Exercise details:
Each line from the start of the data below through the one containing "120 x 8',$,$,$,$,$,$,.BRACKET.);" must be reproduced exactly.

Listed records:
****************************************

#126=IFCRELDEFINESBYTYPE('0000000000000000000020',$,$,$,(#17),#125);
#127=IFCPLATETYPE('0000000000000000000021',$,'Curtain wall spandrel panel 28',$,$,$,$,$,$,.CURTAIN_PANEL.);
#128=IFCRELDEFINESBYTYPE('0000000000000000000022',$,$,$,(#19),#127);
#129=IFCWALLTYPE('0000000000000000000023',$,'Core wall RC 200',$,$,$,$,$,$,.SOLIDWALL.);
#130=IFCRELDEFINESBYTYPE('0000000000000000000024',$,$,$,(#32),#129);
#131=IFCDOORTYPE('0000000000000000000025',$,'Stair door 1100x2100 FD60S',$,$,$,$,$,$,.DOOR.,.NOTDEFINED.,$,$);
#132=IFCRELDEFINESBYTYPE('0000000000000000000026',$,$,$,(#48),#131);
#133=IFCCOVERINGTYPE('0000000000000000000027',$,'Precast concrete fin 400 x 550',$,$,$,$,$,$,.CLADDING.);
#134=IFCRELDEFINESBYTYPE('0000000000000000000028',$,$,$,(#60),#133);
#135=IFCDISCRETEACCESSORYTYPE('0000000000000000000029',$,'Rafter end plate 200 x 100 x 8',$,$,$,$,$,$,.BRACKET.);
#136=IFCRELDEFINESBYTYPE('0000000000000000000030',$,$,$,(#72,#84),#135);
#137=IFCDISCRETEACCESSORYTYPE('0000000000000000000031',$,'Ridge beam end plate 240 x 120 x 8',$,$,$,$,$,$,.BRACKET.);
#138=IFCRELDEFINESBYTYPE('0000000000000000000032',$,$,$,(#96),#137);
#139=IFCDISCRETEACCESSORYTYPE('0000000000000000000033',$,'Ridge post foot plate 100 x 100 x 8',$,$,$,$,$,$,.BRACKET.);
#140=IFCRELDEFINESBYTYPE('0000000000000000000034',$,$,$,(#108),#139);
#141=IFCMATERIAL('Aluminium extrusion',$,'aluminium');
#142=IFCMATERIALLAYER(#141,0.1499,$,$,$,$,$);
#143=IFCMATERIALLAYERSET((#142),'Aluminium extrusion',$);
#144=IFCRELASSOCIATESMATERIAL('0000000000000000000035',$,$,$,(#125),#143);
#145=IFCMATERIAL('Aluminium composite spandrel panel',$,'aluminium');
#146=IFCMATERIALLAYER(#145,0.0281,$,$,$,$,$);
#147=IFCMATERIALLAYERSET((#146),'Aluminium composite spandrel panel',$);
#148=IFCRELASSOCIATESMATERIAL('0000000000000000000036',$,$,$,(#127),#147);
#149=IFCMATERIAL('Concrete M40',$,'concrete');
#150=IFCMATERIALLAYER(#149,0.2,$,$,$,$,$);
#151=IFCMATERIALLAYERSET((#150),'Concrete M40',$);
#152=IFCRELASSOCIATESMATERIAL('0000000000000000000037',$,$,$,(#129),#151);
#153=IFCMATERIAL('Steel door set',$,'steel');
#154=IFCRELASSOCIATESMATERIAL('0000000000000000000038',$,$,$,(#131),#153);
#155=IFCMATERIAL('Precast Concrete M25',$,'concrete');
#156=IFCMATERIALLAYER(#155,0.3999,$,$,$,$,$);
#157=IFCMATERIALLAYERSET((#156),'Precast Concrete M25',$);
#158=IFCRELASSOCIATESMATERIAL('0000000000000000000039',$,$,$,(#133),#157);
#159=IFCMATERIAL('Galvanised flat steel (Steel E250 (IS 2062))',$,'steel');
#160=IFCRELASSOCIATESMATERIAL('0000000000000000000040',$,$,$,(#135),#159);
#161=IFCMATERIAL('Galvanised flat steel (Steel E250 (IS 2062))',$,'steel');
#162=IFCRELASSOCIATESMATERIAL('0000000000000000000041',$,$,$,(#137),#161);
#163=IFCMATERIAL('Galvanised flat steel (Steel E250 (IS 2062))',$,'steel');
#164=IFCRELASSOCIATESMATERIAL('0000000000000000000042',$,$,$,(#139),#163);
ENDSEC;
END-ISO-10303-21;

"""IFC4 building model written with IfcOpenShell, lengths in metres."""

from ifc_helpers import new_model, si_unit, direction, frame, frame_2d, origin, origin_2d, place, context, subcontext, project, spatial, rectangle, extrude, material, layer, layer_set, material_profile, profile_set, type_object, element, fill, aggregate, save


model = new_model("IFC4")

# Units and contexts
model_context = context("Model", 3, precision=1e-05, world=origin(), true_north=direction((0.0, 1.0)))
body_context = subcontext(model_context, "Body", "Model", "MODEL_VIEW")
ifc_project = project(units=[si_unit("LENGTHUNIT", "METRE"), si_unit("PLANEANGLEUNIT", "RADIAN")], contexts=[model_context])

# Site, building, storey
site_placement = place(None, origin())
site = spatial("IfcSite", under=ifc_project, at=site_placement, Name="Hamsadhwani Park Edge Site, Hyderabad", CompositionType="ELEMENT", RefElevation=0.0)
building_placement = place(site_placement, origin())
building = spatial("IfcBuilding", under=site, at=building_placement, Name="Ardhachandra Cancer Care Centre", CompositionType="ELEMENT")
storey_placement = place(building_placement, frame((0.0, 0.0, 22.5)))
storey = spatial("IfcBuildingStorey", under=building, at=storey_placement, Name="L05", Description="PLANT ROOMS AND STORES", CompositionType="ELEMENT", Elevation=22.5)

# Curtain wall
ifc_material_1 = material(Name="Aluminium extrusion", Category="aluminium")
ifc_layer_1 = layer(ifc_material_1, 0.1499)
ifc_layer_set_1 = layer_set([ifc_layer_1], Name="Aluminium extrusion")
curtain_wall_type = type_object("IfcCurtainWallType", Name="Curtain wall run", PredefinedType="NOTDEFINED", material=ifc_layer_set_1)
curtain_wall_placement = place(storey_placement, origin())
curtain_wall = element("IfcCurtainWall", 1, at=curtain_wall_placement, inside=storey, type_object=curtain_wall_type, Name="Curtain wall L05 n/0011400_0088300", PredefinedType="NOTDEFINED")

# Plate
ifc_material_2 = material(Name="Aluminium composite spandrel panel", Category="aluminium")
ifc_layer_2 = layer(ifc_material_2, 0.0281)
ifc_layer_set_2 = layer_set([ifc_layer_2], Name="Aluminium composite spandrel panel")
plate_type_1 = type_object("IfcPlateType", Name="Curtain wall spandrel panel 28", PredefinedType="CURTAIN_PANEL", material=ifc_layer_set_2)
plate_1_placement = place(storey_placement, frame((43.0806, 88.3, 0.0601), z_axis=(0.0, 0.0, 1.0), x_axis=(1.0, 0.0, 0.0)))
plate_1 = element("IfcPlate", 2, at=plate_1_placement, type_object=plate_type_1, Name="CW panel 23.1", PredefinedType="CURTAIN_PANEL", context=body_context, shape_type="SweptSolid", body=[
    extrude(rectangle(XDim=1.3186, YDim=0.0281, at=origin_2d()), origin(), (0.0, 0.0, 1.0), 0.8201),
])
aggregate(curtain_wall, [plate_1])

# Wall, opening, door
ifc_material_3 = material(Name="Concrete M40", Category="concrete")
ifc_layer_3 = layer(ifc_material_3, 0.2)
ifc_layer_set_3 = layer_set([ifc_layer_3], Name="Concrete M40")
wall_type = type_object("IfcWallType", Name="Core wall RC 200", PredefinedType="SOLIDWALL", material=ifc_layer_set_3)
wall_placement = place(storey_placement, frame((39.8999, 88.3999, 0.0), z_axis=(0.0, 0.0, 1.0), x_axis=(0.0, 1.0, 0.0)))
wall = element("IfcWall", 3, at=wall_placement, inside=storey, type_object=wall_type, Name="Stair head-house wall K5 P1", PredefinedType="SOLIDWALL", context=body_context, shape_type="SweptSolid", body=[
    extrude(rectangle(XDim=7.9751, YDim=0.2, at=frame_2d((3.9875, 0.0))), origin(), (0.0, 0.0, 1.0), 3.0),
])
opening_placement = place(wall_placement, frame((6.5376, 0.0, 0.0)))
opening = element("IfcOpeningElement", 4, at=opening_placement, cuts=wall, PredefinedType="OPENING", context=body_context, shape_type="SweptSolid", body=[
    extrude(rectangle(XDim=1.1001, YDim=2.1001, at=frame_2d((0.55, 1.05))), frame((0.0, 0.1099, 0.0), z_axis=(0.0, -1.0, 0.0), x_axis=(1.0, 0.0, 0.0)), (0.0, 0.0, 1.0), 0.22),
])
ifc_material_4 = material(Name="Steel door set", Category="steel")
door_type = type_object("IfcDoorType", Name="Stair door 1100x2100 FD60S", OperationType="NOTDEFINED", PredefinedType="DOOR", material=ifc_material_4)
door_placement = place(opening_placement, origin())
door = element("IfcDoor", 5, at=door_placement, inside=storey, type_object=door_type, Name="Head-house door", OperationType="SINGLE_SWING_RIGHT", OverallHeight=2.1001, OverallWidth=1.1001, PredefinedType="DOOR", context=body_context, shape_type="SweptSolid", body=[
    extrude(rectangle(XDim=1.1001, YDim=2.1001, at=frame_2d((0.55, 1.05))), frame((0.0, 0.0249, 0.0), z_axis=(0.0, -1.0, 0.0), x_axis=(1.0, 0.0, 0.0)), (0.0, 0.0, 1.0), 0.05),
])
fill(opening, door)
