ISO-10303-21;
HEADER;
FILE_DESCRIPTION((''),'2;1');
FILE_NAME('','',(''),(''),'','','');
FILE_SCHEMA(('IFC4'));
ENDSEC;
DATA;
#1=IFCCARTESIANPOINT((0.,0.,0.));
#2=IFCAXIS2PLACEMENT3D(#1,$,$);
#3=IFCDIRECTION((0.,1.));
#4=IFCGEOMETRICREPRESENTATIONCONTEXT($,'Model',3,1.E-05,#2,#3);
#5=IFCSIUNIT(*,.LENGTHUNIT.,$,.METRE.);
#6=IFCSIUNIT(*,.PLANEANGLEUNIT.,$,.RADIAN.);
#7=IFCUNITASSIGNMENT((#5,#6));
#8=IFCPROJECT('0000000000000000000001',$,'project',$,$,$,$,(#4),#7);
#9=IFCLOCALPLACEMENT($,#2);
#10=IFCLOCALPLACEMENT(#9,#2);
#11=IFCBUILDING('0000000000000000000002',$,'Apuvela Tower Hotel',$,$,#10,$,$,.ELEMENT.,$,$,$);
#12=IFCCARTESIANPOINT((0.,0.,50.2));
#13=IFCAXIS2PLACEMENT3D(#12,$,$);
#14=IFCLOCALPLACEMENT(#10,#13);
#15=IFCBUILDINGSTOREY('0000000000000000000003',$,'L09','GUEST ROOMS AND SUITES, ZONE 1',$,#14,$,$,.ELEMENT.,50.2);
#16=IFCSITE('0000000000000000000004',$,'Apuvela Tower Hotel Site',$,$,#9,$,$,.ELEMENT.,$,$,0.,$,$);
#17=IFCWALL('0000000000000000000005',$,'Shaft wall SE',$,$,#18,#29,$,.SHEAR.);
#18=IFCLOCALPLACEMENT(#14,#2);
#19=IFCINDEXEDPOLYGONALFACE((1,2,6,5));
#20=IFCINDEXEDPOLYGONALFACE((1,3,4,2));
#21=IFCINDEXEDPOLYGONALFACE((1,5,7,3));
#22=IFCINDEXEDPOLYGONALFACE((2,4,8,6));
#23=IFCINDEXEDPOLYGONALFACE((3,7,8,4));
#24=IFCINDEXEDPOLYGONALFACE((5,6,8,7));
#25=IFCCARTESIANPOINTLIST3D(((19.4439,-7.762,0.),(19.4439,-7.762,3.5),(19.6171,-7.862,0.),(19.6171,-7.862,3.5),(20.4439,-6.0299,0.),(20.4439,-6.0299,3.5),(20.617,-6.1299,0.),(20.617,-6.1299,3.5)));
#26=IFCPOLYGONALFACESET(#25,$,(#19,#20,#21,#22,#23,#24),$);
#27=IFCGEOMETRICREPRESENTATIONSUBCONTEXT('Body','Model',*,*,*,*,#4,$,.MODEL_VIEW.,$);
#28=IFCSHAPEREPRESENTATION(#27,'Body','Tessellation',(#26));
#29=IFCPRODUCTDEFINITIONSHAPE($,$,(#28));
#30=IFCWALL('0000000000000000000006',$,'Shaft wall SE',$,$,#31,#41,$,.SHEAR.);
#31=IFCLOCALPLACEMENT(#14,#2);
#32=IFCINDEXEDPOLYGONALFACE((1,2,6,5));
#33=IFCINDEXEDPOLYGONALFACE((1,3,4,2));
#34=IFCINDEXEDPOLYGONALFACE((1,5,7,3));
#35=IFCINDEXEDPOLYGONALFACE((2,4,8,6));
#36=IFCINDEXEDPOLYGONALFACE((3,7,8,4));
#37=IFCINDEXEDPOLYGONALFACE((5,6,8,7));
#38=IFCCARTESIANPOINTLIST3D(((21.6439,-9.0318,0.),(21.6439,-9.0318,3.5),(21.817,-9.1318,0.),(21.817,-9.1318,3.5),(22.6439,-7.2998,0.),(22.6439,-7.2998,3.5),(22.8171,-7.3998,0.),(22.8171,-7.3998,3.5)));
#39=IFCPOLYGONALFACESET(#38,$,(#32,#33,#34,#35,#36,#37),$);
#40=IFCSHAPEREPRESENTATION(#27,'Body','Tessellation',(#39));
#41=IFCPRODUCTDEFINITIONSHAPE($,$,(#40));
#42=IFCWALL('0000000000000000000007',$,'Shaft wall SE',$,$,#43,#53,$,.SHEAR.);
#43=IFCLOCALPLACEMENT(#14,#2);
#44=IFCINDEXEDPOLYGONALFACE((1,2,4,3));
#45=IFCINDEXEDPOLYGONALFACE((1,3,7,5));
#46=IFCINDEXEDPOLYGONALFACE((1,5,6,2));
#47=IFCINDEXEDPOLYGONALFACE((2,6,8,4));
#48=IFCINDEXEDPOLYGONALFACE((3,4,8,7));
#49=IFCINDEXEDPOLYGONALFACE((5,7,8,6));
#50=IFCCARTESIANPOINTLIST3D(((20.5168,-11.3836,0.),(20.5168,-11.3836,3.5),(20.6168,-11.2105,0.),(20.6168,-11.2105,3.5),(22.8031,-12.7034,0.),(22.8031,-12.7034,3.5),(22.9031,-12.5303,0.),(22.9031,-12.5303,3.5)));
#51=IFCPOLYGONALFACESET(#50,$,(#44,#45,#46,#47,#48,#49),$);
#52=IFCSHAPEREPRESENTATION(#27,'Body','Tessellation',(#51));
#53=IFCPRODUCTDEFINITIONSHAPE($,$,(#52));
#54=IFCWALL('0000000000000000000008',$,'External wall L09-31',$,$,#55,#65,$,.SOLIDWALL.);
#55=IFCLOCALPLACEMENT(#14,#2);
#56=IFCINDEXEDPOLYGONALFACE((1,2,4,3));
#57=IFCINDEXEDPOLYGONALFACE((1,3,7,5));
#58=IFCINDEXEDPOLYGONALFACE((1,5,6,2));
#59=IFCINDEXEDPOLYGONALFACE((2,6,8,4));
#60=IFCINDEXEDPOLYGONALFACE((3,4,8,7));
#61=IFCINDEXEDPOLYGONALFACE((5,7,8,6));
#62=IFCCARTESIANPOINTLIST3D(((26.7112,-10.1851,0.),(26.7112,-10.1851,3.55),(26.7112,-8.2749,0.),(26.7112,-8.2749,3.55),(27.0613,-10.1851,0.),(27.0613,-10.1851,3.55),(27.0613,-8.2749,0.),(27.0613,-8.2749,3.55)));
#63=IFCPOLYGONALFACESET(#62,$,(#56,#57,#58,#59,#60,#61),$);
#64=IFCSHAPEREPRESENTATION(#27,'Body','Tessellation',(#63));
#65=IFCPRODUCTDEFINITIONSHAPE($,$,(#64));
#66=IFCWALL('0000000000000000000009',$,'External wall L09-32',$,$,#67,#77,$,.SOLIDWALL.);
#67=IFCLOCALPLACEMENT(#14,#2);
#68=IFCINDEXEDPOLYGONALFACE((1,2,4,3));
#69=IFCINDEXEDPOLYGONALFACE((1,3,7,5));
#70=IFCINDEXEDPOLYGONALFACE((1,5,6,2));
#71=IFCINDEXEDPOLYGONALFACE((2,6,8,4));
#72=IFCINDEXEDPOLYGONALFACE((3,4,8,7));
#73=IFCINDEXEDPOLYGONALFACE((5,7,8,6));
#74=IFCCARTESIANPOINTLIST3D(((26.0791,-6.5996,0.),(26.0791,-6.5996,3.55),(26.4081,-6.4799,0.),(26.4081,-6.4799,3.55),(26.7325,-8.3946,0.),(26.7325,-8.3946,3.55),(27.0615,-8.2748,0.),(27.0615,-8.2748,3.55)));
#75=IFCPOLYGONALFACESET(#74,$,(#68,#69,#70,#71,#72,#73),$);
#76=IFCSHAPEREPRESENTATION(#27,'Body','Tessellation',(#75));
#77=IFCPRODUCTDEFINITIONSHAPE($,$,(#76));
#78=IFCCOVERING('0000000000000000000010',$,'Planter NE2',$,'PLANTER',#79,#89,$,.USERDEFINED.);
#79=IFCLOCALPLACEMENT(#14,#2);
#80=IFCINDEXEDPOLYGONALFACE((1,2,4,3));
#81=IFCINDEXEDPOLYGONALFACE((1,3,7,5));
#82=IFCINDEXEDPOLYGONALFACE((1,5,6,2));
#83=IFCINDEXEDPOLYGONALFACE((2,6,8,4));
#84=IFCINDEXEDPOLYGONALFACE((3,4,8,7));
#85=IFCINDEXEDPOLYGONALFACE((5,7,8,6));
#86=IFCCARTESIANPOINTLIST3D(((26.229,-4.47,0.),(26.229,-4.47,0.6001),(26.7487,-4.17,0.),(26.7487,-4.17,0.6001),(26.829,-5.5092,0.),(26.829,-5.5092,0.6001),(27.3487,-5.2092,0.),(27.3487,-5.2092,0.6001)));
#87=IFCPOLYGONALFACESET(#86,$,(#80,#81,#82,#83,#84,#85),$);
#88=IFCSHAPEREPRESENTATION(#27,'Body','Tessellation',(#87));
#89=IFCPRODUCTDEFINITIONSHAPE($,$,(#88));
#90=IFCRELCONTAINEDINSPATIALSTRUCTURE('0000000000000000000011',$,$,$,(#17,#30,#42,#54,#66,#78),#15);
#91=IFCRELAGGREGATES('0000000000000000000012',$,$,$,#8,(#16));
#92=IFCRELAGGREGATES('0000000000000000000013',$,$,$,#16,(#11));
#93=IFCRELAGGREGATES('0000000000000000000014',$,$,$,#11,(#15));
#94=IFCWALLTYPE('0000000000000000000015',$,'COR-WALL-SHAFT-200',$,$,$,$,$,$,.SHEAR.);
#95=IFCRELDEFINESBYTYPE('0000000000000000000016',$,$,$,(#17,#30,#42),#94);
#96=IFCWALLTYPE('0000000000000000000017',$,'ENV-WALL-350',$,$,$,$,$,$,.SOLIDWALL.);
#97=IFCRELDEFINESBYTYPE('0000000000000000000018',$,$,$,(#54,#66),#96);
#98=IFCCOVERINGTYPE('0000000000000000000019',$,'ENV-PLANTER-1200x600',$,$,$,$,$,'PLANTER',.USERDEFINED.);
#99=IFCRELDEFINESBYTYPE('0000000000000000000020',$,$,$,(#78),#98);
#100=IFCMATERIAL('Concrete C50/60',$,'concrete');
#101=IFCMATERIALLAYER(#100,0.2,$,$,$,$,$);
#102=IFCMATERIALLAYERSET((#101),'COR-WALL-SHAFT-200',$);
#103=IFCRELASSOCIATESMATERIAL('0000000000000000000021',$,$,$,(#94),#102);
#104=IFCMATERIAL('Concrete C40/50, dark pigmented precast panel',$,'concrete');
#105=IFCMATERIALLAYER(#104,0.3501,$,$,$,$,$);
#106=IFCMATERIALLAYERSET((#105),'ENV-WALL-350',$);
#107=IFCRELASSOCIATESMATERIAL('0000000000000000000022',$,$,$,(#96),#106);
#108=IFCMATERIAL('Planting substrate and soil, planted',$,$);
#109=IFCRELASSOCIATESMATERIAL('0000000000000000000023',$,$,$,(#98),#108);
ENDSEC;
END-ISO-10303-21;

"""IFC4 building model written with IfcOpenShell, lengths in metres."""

from ifc_helpers import new_model, si_unit, direction, frame, frame_2d, origin, origin_2d, place, context, subcontext, project, spatial, rectangle, extrude, material, layer, layer_set, type_object, element, save


model = new_model("IFC4")

# Units and contexts
model_context = context("Model", 3, precision=1e-05, world=origin(), true_north=direction((0.0, 1.0)))
body_context = subcontext(model_context, "Body", "Model", "MODEL_VIEW")
ifc_project = project(units=[si_unit("LENGTHUNIT", "METRE"), si_unit("PLANEANGLEUNIT", "RADIAN")], contexts=[model_context])

# Site, building, storey
site_placement = place(None, origin())
site = spatial("IfcSite", under=ifc_project, at=site_placement, Name="Apuvela Tower Hotel Site", CompositionType="ELEMENT", RefElevation=0.0)
building_placement = place(site_placement, origin())
building = spatial("IfcBuilding", under=site, at=building_placement, Name="Apuvela Tower Hotel", CompositionType="ELEMENT")
storey_placement = place(building_placement, frame((0.0, 0.0, 50.2)))
storey = spatial("IfcBuildingStorey", under=building, at=storey_placement, Name="L09", Description="GUEST ROOMS AND SUITES, ZONE 1", CompositionType="ELEMENT", Elevation=50.2)

# Walls
ifc_material_1 = material(Name="Concrete C50/60", Category="concrete")
ifc_layer_1 = layer(ifc_material_1, 0.2)
ifc_layer_set_1 = layer_set([ifc_layer_1], Name="COR-WALL-SHAFT-200")
wall_type_1 = type_object("IfcWallType", Name="COR-WALL-SHAFT-200", PredefinedType="SHEAR", material=ifc_layer_set_1)
for number, where, z_axis, x_axis, name in (
    (1, (19.5305, -7.812, 0.0), (0.0, 0.0, 1.0), (0.499973, 0.866041, 0.0), "Shaft wall SE"),
    (2, (21.7305, -9.0818, 0.0), (0.0, 0.0, 1.0), (0.500025, 0.866011, 0.0), "Shaft wall SE"),
):
    element("IfcWall", number, at=place(storey_placement, frame(where, z_axis=z_axis, x_axis=x_axis)), inside=storey, type_object=wall_type_1, Name=name, PredefinedType="SHEAR", context=body_context, shape_type="SweptSolid", body=[
        extrude(rectangle(XDim=2.0, YDim=0.2, at=frame_2d((1.0, 0.0))), origin(), (0.0, 0.0, 1.0), 3.5),
    ])
wall_1_placement = place(storey_placement, frame((20.5669, -11.2971, 0.0), z_axis=(0.0, 0.0, 1.0), x_axis=(0.866061, -0.499939, 0.0)))
element("IfcWall", 3, at=wall_1_placement, inside=storey, type_object=wall_type_1, Name="Shaft wall SE", PredefinedType="SHEAR", context=body_context, shape_type="SweptSolid", body=[
    extrude(rectangle(XDim=2.6399, YDim=0.2, at=frame_2d((1.3198, 0.0))), origin(), (0.0, 0.0, 1.0), 3.5),
])
ifc_material_2 = material(Name="Concrete C40/50, dark pigmented precast panel", Category="concrete")
ifc_layer_2 = layer(ifc_material_2, 0.3501)
ifc_layer_set_2 = layer_set([ifc_layer_2], Name="ENV-WALL-350")
wall_type_2 = type_object("IfcWallType", Name="ENV-WALL-350", PredefinedType="SOLIDWALL", material=ifc_layer_set_2)
for number, where, z_axis, x_axis, name in (
    (4, (26.8862, -10.1851, 0.0), (0.0, 0.0, 1.0), (0.0, 1.0, 0.0), "External wall L09-31"),
    (5, (26.897, -8.3347, 0.0), (0.0, 0.0, 1.0), (-0.34203, 0.939689, 0.0), "External wall L09-32"),
):
    element("IfcWall", number, at=place(storey_placement, frame(where, z_axis=z_axis, x_axis=x_axis)), inside=storey, type_object=wall_type_2, Name=name, PredefinedType="SOLIDWALL", context=body_context, shape_type="SweptSolid", body=[
        extrude(rectangle(XDim=1.9102, YDim=0.3501, at=frame_2d((0.9551, 0.0))), origin(), (0.0, 0.0, 1.0), 3.55),
    ])

# Covering
ifc_material_3 = material(Name="Planting substrate and soil, planted")
covering_type = type_object("IfcCoveringType", Name="ENV-PLANTER-1200x600", ElementType="PLANTER", PredefinedType="USERDEFINED", material=ifc_material_3)
covering_placement = place(storey_placement, frame((26.7888, -4.8396, 0.0), z_axis=(0.0, 0.0, 1.0), x_axis=(-0.5, 0.866025, 0.0)))
element("IfcCovering", 6, at=covering_placement, inside=storey, type_object=covering_type, Name="Planter NE2", ObjectType="PLANTER", PredefinedType="USERDEFINED", context=body_context, shape_type="SweptSolid", body=[
    extrude(rectangle(XDim=1.2, YDim=0.6001, at=origin_2d()), origin(), (0.0, 0.0, 1.0), 0.6001),
])

save(model, "model.ifc")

****************************************

Task answer:
#126=IFCRELDEFINESBYTYPE('0000000000000000000020',$,$,$,(#17),#125);
#127=IFCPLATETYPE('0000000000000000000021',$,'Curtain wall spandrel panel 28',$,$,$,$,$,$,.CURTAIN_PANEL.);
#128=IFCRELDEFINESBYTYPE('0000000000000000000022',$,$,$,(#19),#127);
#129=IFCWALLTYPE('0000000000000000000023',$,'Core wall RC 200',$,$,$,$,$,$,.SOLIDWALL.);
#130=IFCRELDEFINESBYTYPE('0000000000000000000024',$,$,$,(#32),#129);
#131=IFCDOORTYPE('0000000000000000000025',$,'Stair door 1100x2100 FD60S',$,$,$,$,$,$,.DOOR.,.NOTDEFINED.,$,$);
#132=IFCRELDEFINESBYTYPE('0000000000000000000026',$,$,$,(#48),#131);
#133=IFCCOVERINGTYPE('0000000000000000000027',$,'Precast concrete fin 400 x 550',$,$,$,$,$,$,.CLADDING.);
#134=IFCRELDEFINESBYTYPE('0000000000000000000028',$,$,$,(#60),#133);
#135=IFCDISCRETEACCESSORYTYPE('0000000000000000000029',$,'Rafter end plate 200 x 100 x 8',$,$,$,$,$,$,.BRACKET.);
#136=IFCRELDEFINESBYTYPE('0000000000000000000030',$,$,$,(#72,#84),#135);
#137=IFCDISCRETEACCESSORYTYPE('0000000000000000000031',$,'Ridge beam end plate 240 x 120 x 8',$,$,$,$,$,$,.BRACKET.);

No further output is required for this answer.